** DATA FOR THE TASK **
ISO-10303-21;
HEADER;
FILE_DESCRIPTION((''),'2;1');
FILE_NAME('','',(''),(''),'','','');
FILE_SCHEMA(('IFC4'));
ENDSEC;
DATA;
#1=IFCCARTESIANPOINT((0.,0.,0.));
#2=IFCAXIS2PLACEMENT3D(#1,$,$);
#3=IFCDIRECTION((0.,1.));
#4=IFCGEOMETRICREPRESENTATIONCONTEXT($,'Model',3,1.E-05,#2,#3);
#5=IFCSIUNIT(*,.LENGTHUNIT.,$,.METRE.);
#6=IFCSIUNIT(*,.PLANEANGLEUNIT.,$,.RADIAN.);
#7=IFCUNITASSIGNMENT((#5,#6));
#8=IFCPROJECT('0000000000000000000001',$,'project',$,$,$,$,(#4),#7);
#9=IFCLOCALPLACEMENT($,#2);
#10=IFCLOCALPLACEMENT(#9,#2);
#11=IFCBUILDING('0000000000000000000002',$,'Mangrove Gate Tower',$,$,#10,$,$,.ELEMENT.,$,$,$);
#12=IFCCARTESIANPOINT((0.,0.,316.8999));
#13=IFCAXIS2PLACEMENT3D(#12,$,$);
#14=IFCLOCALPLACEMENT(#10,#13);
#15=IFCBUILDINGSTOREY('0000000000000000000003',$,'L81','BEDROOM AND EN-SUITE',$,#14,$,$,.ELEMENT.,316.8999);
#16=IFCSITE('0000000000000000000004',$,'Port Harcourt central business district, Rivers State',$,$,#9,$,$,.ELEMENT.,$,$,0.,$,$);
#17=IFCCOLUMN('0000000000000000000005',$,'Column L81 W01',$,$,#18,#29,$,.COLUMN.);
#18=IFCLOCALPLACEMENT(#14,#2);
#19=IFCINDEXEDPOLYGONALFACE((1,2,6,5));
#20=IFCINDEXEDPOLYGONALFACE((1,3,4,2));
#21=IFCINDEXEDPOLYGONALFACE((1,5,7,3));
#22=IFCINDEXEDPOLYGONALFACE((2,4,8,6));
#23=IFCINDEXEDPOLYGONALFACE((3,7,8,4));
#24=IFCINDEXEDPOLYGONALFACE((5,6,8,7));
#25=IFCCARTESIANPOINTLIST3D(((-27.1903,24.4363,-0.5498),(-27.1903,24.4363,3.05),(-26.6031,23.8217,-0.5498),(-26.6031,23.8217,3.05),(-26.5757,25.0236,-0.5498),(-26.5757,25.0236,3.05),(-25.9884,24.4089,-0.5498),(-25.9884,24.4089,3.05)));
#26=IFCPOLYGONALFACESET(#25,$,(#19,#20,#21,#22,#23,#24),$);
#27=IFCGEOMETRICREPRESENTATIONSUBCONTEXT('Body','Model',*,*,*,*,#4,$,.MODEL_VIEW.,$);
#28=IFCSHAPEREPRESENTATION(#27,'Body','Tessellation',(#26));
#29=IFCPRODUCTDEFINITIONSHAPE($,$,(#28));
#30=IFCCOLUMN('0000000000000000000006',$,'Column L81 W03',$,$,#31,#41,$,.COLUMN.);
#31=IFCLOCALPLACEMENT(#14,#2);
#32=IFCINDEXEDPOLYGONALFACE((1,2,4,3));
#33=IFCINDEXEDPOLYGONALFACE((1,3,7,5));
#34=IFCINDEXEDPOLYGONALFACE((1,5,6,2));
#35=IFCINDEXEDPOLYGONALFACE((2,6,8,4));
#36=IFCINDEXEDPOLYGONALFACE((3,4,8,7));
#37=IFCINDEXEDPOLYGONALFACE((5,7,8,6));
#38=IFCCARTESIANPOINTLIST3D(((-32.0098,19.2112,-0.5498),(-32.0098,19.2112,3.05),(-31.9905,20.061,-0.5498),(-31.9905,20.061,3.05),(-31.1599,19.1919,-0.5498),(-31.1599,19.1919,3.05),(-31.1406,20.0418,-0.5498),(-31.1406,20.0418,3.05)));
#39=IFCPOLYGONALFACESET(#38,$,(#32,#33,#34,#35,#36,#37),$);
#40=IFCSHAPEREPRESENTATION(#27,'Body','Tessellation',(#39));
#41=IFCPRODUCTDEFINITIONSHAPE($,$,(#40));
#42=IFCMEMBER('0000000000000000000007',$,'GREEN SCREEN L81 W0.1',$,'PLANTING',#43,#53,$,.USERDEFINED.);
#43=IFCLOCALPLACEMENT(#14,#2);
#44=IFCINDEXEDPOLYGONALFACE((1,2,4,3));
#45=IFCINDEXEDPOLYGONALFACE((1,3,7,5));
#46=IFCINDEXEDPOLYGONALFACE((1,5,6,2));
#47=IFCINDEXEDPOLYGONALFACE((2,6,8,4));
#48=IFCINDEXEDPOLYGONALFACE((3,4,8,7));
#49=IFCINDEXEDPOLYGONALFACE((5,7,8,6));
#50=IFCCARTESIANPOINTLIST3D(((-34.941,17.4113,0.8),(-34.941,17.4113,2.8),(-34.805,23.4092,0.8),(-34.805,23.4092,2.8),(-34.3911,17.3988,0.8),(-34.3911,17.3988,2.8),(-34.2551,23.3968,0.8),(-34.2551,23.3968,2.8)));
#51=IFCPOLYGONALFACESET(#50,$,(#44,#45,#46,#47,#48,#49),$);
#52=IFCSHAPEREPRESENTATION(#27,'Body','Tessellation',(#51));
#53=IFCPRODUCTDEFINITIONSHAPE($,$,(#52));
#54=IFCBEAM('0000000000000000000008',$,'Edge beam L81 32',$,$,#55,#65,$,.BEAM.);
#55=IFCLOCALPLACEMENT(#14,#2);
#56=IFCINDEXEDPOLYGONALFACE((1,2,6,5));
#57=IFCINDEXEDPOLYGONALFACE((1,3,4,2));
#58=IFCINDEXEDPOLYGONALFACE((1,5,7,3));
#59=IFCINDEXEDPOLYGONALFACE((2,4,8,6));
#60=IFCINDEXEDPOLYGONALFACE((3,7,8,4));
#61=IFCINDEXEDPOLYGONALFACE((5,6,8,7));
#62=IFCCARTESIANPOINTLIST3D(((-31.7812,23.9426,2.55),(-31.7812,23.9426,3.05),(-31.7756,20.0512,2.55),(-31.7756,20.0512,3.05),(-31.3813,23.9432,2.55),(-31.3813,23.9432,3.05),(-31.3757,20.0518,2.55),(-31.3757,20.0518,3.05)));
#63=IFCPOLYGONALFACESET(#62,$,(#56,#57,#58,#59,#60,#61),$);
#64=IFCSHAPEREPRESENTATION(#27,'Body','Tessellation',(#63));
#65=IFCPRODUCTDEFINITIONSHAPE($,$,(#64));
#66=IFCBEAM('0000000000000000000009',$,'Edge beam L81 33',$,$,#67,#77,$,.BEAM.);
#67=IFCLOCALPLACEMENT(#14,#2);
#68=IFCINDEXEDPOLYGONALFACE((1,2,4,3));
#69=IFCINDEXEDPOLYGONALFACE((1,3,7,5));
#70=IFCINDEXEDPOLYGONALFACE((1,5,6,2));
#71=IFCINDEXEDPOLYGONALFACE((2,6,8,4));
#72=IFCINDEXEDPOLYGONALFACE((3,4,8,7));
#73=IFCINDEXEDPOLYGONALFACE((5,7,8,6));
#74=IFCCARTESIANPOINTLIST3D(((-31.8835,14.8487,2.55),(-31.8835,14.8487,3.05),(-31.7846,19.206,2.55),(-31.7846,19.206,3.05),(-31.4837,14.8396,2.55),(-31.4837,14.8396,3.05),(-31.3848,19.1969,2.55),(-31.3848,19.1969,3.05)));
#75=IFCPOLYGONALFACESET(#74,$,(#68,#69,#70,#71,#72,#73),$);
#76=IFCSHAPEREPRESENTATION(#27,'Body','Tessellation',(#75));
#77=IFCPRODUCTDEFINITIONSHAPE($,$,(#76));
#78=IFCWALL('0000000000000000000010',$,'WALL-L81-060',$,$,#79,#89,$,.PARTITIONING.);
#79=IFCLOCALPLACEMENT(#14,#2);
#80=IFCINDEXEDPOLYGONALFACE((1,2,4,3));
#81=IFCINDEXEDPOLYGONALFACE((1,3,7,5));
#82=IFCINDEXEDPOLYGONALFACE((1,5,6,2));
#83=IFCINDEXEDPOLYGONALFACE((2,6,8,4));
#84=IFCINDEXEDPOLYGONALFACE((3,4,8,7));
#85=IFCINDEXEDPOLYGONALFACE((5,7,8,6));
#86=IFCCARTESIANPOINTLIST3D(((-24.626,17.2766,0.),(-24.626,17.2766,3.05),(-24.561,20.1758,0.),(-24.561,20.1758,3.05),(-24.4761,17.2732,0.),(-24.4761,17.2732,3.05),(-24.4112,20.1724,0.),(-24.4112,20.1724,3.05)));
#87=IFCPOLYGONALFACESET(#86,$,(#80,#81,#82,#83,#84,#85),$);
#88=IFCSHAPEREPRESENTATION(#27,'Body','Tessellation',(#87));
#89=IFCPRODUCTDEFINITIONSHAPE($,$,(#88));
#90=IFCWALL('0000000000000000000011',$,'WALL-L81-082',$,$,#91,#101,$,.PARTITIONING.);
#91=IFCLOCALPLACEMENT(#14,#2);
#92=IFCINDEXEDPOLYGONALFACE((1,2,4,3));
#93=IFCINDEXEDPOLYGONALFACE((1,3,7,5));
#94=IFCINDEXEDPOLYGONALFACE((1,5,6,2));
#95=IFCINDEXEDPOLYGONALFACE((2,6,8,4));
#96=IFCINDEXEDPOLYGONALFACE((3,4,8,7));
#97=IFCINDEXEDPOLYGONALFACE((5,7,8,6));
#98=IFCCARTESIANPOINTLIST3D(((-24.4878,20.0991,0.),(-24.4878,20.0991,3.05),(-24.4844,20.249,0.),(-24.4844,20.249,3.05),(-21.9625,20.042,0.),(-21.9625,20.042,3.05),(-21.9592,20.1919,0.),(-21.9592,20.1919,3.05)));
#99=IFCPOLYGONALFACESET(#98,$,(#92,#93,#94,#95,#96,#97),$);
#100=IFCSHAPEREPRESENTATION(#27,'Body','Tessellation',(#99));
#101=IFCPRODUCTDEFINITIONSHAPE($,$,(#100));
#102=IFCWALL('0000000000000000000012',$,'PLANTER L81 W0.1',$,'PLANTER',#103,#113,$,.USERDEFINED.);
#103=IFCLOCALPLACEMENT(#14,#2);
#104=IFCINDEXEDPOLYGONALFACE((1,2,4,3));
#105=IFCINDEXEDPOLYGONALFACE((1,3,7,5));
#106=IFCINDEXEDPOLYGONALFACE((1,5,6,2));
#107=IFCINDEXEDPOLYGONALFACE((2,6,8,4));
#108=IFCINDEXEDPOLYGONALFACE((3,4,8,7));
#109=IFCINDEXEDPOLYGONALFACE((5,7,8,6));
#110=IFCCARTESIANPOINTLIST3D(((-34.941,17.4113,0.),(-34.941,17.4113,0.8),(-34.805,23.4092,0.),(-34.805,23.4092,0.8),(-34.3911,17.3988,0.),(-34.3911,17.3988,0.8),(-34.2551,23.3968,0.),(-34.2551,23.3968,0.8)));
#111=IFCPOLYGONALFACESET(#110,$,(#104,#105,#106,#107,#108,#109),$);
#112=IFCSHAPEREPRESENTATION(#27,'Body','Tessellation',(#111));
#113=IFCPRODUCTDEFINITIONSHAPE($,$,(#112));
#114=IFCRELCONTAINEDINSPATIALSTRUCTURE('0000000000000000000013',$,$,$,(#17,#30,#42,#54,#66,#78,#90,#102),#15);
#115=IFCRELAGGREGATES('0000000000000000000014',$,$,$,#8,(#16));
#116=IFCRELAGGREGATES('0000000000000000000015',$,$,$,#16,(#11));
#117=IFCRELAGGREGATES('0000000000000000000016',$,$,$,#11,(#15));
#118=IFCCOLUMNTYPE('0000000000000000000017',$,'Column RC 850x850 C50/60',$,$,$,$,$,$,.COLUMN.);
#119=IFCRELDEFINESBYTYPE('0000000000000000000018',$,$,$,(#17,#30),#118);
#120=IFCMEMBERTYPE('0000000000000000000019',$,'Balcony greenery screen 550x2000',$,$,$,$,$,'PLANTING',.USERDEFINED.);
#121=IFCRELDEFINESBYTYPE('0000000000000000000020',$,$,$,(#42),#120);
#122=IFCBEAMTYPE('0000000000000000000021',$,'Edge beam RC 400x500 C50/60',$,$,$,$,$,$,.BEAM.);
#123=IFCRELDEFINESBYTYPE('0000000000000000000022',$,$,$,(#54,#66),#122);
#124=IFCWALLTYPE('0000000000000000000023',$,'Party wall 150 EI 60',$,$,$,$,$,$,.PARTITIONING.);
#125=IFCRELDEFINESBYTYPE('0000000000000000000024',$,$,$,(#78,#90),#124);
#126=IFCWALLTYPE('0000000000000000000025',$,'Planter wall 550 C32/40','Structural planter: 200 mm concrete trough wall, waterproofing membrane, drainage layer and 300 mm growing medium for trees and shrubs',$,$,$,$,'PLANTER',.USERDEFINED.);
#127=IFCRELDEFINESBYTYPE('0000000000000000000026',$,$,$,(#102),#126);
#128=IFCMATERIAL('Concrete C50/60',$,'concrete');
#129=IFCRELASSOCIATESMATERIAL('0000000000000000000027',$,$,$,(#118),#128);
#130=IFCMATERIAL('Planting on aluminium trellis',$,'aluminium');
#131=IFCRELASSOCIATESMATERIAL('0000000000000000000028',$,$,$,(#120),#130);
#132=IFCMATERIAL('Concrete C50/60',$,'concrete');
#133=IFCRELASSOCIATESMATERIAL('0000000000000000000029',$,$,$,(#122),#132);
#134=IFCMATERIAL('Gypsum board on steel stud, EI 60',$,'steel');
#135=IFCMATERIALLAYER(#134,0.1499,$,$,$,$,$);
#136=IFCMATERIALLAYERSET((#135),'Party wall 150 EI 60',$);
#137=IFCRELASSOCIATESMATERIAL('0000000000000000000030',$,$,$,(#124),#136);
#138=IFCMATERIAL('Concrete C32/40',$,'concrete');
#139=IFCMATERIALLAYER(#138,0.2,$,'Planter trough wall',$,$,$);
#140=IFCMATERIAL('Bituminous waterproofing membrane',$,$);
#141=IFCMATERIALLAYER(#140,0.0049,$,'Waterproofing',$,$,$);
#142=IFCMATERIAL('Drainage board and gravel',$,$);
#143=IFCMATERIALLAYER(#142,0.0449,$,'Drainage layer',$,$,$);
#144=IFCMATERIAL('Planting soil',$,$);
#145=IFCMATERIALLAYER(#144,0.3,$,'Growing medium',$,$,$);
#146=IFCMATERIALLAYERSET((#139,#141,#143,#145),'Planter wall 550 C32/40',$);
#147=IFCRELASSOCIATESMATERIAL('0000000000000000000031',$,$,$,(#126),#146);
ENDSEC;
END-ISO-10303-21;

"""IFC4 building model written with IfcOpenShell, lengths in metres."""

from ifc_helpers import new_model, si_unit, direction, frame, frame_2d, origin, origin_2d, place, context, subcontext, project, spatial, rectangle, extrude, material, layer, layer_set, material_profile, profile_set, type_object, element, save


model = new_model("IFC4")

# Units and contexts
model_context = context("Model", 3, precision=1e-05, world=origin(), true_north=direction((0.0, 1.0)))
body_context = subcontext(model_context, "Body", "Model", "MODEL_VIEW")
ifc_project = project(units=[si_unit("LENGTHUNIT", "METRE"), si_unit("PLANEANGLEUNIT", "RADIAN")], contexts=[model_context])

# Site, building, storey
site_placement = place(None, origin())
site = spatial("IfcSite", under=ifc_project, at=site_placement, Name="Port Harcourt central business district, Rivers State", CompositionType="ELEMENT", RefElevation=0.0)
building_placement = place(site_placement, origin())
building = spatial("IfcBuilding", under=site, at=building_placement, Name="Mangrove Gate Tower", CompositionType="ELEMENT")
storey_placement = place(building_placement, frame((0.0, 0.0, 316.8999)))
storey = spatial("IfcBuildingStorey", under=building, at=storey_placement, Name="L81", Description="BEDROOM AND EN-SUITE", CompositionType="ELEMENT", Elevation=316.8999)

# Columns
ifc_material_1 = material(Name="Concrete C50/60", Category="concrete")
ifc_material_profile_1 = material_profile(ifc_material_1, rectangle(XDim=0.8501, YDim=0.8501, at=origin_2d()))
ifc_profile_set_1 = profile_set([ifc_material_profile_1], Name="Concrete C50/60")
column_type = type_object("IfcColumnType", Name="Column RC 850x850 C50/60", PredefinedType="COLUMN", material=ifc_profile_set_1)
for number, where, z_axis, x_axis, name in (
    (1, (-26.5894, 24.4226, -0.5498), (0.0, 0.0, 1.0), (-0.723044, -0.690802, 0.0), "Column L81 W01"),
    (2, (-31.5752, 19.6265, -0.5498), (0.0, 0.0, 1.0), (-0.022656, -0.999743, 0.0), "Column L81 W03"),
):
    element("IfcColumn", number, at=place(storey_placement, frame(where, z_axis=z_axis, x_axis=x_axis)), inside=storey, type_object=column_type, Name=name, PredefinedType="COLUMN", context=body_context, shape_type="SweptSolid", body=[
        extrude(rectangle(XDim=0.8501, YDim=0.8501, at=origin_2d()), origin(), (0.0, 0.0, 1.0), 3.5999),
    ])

** DESCRIPTION OF THE TASK **
Search the entries for the word "IFCPRODUCTDEFINITIONSHAPE" and gather every line where it appears.

** EXERCISE ANSWER **
#29=IFCPRODUCTDEFINITIONSHAPE($,$,(#28));
#41=IFCPRODUCTDEFINITIONSHAPE($,$,(#40));
#53=IFCPRODUCTDEFINITIONSHAPE($,$,(#52));
#65=IFCPRODUCTDEFINITIONSHAPE($,$,(#64));
#77=IFCPRODUCTDEFINITIONSHAPE($,$,(#76));
#89=IFCPRODUCTDEFINITIONSHAPE($,$,(#88));
#101=IFCPRODUCTDEFINITIONSHAPE($,$,(#100));
#113=IFCPRODUCTDEFINITIONSHAPE($,$,(#112));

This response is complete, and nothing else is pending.